__Work instruction__. Repeat verbatim, and only, the lines of the data below, beginning at the line that contains "#20=IFCLOCALPLACEMENT(#14,#2);" and stopping after the line that contains "#26=IFCINDEXEDPOLYGONALFACE((3,11,13,5));".

__Extracted data__.
———

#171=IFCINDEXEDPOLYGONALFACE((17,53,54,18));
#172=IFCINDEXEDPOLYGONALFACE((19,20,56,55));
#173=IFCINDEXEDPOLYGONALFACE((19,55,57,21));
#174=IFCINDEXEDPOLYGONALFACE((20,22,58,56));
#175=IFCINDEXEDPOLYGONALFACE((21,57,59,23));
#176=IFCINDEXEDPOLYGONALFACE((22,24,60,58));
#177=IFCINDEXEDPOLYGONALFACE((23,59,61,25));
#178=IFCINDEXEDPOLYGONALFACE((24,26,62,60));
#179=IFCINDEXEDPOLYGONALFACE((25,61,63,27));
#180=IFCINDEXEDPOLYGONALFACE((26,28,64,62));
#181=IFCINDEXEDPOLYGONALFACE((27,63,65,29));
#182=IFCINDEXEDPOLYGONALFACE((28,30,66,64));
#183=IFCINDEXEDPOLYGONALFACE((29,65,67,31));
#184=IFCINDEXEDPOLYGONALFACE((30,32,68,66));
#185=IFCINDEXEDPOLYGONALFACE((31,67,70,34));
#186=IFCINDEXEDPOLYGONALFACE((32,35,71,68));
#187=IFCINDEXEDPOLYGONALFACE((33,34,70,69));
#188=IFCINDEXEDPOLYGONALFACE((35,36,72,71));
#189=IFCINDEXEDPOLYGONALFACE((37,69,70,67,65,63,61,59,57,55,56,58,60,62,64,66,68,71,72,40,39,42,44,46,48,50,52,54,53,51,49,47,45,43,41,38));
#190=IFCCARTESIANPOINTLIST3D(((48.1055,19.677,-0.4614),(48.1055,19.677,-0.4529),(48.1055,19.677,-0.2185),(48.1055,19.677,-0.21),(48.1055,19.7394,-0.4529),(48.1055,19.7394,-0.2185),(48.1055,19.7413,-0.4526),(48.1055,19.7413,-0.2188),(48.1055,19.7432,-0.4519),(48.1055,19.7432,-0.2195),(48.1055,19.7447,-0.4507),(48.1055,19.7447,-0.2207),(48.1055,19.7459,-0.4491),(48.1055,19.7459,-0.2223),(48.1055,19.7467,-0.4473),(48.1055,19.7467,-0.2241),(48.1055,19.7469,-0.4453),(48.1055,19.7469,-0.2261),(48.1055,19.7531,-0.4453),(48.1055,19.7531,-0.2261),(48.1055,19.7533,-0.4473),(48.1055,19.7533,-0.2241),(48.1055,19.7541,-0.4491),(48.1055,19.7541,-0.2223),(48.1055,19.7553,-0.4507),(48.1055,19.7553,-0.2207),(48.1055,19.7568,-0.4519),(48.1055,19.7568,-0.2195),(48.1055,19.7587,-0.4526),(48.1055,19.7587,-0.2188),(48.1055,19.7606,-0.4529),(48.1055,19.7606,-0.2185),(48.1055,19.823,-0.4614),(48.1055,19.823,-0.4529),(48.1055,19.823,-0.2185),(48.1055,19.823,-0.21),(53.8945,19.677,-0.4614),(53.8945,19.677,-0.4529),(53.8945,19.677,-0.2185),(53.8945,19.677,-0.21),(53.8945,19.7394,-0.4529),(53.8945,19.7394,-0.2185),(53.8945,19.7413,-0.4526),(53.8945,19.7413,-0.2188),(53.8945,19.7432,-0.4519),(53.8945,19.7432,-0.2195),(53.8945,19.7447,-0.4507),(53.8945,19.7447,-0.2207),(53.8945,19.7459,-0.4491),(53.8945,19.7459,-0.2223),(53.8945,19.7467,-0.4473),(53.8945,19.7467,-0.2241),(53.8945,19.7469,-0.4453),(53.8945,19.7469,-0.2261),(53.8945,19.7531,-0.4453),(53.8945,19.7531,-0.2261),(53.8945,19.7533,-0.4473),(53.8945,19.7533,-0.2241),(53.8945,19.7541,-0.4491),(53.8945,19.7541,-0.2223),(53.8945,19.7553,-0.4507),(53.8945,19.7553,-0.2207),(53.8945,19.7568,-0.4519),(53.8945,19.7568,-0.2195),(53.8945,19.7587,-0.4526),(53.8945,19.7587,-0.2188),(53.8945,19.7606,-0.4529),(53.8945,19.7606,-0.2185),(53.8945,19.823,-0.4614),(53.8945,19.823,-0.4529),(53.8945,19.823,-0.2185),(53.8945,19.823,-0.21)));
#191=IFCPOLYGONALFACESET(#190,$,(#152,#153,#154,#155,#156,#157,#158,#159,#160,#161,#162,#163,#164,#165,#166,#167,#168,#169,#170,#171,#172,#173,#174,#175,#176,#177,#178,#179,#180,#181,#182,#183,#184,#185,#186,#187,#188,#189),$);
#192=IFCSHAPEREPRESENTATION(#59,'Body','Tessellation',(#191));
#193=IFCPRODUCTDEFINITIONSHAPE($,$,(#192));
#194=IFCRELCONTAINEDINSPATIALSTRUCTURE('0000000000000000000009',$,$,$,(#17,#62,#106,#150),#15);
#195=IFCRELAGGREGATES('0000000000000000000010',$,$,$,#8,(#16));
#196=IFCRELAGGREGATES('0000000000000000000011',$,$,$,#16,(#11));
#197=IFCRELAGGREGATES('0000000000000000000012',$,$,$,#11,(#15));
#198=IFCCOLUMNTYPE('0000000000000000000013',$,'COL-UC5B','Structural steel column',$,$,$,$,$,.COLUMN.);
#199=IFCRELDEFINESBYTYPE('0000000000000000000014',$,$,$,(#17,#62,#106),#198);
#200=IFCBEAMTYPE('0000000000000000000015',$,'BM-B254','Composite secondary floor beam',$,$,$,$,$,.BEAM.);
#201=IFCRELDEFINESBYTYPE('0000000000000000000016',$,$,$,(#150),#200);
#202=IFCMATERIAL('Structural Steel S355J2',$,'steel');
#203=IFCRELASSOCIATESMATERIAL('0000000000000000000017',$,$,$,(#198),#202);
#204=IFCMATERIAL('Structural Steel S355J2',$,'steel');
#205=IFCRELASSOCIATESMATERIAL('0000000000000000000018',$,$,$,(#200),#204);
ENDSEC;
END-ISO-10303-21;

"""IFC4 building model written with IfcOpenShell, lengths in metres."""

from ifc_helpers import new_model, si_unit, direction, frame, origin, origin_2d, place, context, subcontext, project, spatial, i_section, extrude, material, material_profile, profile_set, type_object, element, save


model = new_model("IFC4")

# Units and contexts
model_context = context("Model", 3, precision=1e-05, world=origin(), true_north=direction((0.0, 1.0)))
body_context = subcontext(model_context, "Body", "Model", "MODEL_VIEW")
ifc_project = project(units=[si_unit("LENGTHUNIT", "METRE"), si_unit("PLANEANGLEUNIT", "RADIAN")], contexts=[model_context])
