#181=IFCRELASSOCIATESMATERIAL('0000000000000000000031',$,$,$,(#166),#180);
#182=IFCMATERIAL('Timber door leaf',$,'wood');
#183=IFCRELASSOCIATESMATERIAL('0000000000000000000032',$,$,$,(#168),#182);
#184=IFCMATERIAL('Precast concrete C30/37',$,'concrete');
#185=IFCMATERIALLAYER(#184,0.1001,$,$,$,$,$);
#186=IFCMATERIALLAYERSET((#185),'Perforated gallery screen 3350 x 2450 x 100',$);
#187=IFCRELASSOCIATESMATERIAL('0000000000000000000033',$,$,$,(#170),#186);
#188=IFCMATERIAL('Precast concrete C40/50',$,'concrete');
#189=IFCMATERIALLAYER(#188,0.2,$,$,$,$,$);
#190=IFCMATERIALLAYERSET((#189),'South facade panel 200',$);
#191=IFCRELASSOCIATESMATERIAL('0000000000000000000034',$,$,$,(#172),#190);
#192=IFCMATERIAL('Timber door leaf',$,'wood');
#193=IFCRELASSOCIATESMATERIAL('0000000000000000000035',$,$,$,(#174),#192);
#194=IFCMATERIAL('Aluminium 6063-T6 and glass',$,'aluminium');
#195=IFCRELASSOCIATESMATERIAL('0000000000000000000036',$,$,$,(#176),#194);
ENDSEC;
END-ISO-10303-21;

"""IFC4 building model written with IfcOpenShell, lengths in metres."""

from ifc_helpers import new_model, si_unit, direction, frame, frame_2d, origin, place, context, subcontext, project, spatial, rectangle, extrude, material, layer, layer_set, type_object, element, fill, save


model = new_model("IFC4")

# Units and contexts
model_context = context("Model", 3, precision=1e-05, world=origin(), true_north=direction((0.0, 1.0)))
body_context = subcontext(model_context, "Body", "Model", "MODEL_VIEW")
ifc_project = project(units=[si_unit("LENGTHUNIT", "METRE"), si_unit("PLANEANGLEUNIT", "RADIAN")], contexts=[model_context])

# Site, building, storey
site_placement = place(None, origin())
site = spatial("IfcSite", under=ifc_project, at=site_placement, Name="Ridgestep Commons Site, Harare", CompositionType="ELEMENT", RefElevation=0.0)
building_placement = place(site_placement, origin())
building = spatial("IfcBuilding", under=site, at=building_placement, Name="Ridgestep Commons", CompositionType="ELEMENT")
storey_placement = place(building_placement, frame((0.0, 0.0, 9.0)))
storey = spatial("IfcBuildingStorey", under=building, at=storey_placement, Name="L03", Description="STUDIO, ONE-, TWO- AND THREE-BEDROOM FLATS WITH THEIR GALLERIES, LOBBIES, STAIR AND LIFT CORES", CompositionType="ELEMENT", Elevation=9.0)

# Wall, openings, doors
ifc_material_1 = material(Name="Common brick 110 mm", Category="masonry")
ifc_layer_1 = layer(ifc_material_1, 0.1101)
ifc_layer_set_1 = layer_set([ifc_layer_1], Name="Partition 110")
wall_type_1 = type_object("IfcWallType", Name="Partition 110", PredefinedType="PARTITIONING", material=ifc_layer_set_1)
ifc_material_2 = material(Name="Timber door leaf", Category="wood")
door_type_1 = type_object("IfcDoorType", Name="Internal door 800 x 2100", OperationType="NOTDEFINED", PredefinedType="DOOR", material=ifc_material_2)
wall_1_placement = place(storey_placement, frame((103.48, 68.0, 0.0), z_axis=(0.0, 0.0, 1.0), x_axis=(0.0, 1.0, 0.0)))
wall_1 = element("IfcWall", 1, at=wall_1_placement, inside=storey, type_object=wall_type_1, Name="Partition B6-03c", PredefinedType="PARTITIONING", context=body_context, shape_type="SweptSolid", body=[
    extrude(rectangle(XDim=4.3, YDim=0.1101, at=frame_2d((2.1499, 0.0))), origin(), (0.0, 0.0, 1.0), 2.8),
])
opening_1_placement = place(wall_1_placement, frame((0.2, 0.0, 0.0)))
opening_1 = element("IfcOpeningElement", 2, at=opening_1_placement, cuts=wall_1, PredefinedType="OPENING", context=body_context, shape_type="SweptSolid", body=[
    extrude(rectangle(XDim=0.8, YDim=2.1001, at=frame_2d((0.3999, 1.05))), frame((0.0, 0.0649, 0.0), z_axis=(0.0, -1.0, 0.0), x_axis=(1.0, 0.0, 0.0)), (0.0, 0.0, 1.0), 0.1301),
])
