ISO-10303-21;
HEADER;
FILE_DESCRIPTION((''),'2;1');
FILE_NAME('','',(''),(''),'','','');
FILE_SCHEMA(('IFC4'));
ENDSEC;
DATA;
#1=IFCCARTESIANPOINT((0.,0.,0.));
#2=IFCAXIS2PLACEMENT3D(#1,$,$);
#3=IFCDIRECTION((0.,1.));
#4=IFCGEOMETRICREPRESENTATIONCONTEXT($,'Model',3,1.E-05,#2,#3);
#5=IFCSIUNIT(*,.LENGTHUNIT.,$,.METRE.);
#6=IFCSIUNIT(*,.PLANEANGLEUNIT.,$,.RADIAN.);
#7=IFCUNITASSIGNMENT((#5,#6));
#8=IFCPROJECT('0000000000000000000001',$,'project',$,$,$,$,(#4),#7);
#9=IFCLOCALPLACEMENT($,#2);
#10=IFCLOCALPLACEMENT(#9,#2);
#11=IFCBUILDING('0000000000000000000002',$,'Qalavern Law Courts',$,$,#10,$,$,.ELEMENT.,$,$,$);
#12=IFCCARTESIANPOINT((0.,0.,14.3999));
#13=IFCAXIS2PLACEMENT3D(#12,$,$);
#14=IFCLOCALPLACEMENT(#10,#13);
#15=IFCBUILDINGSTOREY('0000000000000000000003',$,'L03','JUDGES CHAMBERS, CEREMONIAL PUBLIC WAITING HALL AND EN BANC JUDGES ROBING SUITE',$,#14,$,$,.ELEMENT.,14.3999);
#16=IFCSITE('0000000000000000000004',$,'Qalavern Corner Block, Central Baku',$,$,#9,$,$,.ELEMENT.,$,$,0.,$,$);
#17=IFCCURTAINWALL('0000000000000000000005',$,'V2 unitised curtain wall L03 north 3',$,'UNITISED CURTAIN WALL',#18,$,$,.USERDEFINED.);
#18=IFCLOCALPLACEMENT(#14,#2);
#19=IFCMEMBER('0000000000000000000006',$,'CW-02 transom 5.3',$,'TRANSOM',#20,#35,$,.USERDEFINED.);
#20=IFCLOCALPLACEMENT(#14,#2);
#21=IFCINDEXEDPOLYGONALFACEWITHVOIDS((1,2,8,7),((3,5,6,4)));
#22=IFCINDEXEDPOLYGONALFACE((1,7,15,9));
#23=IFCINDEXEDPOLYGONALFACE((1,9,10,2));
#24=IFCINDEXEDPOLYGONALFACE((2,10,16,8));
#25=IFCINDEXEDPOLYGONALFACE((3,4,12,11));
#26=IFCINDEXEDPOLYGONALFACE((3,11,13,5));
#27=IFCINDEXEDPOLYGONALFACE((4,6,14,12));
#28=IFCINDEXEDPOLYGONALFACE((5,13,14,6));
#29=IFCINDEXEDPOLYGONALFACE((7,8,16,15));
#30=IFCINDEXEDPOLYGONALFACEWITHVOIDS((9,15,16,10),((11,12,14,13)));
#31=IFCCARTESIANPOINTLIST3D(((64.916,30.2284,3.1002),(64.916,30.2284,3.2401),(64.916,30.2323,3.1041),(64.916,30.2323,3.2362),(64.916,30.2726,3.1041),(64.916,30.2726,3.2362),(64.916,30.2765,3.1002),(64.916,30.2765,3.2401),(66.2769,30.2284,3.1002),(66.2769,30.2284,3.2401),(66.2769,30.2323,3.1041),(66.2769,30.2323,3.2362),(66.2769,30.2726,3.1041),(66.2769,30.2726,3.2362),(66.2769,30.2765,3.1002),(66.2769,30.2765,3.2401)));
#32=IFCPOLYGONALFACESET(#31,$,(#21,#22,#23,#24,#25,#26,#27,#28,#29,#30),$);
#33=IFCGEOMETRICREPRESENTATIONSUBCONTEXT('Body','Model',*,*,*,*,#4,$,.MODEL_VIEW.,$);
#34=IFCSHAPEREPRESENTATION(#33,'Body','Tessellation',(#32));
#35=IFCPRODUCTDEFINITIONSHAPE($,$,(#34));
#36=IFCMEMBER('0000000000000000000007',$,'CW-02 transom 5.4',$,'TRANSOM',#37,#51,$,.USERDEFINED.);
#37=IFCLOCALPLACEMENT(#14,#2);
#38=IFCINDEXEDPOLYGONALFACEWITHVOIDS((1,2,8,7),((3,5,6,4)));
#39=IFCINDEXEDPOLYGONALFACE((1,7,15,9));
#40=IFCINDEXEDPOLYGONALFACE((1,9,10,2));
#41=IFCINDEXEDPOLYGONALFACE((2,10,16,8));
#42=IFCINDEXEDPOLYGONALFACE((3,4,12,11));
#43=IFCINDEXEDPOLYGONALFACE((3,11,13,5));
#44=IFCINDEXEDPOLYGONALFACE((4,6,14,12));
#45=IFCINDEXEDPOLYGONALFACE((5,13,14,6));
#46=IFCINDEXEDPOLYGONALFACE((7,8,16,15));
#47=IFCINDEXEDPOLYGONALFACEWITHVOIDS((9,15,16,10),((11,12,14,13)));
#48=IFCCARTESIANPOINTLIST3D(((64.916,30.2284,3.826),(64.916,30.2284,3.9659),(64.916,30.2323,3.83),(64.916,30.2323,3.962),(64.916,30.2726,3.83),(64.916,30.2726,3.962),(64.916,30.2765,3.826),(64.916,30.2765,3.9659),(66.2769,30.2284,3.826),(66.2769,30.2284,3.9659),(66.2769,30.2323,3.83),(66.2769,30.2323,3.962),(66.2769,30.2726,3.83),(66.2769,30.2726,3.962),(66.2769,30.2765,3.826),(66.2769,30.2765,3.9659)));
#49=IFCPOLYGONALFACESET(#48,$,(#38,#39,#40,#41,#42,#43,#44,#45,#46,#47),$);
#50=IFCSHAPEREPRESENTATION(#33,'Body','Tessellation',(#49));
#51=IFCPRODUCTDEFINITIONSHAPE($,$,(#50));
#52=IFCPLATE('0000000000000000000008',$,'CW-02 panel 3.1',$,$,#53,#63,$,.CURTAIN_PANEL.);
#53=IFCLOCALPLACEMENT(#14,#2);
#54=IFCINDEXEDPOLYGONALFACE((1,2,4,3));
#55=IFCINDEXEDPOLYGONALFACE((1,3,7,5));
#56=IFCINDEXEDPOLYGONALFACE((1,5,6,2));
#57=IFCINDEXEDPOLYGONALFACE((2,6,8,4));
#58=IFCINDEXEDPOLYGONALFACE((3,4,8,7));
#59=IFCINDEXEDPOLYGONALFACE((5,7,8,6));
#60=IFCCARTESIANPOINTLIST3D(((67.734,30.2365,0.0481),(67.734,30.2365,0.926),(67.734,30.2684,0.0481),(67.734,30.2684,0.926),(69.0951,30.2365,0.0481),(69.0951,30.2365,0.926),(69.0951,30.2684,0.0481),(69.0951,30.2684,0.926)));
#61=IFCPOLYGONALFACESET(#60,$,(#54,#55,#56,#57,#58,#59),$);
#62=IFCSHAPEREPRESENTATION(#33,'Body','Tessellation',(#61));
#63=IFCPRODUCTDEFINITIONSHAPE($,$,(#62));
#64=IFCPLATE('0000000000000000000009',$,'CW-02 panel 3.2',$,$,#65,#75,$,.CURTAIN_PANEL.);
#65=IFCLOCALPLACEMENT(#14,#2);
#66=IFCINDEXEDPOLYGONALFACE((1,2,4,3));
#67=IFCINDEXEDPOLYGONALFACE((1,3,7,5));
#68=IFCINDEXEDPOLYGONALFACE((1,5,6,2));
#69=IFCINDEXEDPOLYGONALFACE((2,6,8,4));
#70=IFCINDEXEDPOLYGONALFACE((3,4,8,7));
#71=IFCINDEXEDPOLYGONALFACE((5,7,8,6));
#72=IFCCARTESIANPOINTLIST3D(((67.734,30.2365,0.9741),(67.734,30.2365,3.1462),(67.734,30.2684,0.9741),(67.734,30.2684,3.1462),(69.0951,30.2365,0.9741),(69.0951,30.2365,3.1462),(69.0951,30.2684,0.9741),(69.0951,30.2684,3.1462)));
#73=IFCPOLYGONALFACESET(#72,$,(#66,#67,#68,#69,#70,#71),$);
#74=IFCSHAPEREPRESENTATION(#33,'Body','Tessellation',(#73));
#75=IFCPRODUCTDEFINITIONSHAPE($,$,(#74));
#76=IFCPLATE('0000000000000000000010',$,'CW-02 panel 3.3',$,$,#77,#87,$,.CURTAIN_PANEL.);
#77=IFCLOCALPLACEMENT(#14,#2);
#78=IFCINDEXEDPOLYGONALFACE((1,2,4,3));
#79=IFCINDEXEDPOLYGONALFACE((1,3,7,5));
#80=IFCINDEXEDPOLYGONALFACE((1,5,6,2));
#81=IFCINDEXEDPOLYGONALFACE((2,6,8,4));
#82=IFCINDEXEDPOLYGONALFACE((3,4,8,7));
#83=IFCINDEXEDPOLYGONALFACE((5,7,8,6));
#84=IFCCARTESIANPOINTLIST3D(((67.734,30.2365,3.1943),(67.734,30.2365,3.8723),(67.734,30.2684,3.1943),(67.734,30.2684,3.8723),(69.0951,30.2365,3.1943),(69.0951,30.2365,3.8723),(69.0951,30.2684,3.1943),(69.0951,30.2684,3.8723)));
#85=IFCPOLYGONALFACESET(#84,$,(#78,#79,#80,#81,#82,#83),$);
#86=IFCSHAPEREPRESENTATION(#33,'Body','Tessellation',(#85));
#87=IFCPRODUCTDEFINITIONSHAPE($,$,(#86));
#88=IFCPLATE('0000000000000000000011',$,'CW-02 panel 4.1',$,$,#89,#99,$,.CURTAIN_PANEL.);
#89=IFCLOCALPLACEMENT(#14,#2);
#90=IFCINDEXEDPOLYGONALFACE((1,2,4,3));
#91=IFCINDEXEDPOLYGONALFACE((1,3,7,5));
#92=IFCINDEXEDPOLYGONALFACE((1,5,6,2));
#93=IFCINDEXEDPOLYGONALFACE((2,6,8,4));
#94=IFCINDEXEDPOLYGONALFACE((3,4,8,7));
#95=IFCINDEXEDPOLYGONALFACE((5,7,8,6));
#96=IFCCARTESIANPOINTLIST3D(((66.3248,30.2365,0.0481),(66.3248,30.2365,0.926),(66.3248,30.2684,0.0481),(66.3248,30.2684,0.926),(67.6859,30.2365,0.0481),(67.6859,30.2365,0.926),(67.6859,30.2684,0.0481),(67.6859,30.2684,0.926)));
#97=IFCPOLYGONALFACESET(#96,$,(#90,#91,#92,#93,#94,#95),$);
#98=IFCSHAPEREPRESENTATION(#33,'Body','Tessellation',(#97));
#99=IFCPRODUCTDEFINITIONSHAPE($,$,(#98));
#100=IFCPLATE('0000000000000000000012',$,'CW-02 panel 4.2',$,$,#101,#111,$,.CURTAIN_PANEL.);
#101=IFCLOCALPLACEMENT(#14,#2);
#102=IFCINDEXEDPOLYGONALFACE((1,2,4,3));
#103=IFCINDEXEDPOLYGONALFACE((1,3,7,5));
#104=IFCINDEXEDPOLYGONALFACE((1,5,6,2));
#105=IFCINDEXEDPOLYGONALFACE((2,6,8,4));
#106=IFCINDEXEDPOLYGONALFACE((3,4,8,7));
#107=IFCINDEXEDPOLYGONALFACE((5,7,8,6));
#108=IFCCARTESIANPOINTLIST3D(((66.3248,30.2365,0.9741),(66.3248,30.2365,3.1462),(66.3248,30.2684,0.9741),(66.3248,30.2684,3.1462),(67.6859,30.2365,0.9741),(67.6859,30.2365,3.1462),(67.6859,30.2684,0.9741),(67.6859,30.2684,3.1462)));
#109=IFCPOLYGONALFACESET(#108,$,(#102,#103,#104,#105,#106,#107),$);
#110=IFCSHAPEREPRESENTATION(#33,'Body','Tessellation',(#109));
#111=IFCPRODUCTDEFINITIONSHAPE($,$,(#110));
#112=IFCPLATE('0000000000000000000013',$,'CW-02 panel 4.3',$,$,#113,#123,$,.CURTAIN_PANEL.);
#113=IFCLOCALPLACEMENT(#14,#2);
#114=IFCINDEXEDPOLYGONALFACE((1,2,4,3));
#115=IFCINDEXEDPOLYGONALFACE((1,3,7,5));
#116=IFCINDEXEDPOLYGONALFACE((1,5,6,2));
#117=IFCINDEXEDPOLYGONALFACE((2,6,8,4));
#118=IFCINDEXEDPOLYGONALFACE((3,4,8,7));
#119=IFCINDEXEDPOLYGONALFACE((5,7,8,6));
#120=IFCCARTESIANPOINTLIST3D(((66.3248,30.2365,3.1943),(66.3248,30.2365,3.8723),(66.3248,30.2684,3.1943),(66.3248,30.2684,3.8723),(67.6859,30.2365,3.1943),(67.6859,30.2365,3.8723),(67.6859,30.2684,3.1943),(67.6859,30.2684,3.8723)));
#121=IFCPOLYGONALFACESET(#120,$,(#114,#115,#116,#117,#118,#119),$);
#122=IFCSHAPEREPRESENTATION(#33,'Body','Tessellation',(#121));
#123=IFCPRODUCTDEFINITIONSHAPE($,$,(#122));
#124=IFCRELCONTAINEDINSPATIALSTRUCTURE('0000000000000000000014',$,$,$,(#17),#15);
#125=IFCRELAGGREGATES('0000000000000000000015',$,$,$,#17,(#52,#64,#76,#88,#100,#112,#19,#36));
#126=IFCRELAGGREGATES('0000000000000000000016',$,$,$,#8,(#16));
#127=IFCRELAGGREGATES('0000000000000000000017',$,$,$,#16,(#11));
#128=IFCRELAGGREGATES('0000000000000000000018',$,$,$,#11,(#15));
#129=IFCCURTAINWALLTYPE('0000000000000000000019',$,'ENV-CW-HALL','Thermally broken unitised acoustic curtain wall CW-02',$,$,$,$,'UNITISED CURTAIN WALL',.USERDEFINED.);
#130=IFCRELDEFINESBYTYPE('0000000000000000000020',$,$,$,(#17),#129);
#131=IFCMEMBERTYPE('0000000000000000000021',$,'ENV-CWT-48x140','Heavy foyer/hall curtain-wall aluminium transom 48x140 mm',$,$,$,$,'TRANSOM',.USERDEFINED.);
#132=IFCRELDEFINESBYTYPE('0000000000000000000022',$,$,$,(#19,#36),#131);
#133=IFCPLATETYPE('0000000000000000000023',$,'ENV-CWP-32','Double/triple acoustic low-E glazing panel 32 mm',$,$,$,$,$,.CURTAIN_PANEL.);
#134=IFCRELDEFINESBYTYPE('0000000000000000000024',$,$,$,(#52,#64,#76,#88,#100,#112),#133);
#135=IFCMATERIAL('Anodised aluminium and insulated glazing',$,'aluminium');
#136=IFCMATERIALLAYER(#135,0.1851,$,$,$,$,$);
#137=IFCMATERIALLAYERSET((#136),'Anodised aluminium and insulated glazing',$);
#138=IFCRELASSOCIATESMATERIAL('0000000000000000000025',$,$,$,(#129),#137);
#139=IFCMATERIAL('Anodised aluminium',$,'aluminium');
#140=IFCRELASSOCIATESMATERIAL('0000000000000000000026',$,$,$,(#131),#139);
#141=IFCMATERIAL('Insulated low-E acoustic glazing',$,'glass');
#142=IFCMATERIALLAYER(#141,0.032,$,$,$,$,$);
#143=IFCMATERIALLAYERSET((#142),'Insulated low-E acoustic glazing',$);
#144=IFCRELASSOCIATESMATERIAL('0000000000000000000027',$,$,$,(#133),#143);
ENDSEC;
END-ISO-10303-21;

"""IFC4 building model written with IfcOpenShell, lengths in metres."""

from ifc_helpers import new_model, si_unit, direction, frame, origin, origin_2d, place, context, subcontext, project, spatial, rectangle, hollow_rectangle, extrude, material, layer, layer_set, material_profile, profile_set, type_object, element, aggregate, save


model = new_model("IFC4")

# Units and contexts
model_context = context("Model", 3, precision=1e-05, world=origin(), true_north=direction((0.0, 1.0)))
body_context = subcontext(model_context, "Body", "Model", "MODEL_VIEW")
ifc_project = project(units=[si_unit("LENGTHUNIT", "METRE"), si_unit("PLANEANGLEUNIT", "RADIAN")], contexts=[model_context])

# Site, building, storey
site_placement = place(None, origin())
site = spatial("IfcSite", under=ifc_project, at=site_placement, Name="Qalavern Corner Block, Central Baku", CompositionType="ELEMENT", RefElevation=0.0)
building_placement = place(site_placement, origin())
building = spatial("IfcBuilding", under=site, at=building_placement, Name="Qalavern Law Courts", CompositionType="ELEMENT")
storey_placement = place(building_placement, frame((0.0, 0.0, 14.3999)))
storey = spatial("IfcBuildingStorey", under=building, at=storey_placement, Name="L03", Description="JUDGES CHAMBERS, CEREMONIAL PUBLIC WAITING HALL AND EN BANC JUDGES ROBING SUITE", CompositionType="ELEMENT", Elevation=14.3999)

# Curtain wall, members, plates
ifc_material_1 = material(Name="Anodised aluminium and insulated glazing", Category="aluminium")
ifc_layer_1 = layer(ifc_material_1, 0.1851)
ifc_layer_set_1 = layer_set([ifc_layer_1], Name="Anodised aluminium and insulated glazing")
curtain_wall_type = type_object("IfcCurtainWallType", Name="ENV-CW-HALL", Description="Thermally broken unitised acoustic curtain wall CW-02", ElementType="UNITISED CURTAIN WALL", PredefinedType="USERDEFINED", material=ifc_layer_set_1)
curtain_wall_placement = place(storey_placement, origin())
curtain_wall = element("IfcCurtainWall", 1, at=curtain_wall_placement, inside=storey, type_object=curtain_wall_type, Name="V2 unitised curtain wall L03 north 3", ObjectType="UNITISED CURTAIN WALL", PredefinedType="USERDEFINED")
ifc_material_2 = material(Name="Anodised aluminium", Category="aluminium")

———

__Expected answer__.
#20=IFCLOCALPLACEMENT(#14,#2);
#21=IFCINDEXEDPOLYGONALFACEWITHVOIDS((1,2,8,7),((3,5,6,4)));
#22=IFCINDEXEDPOLYGONALFACE((1,7,15,9));
#23=IFCINDEXEDPOLYGONALFACE((1,9,10,2));
#24=IFCINDEXEDPOLYGONALFACE((2,10,16,8));
#25=IFCINDEXEDPOLYGONALFACE((3,4,12,11));
#26=IFCINDEXEDPOLYGONALFACE((3,11,13,5));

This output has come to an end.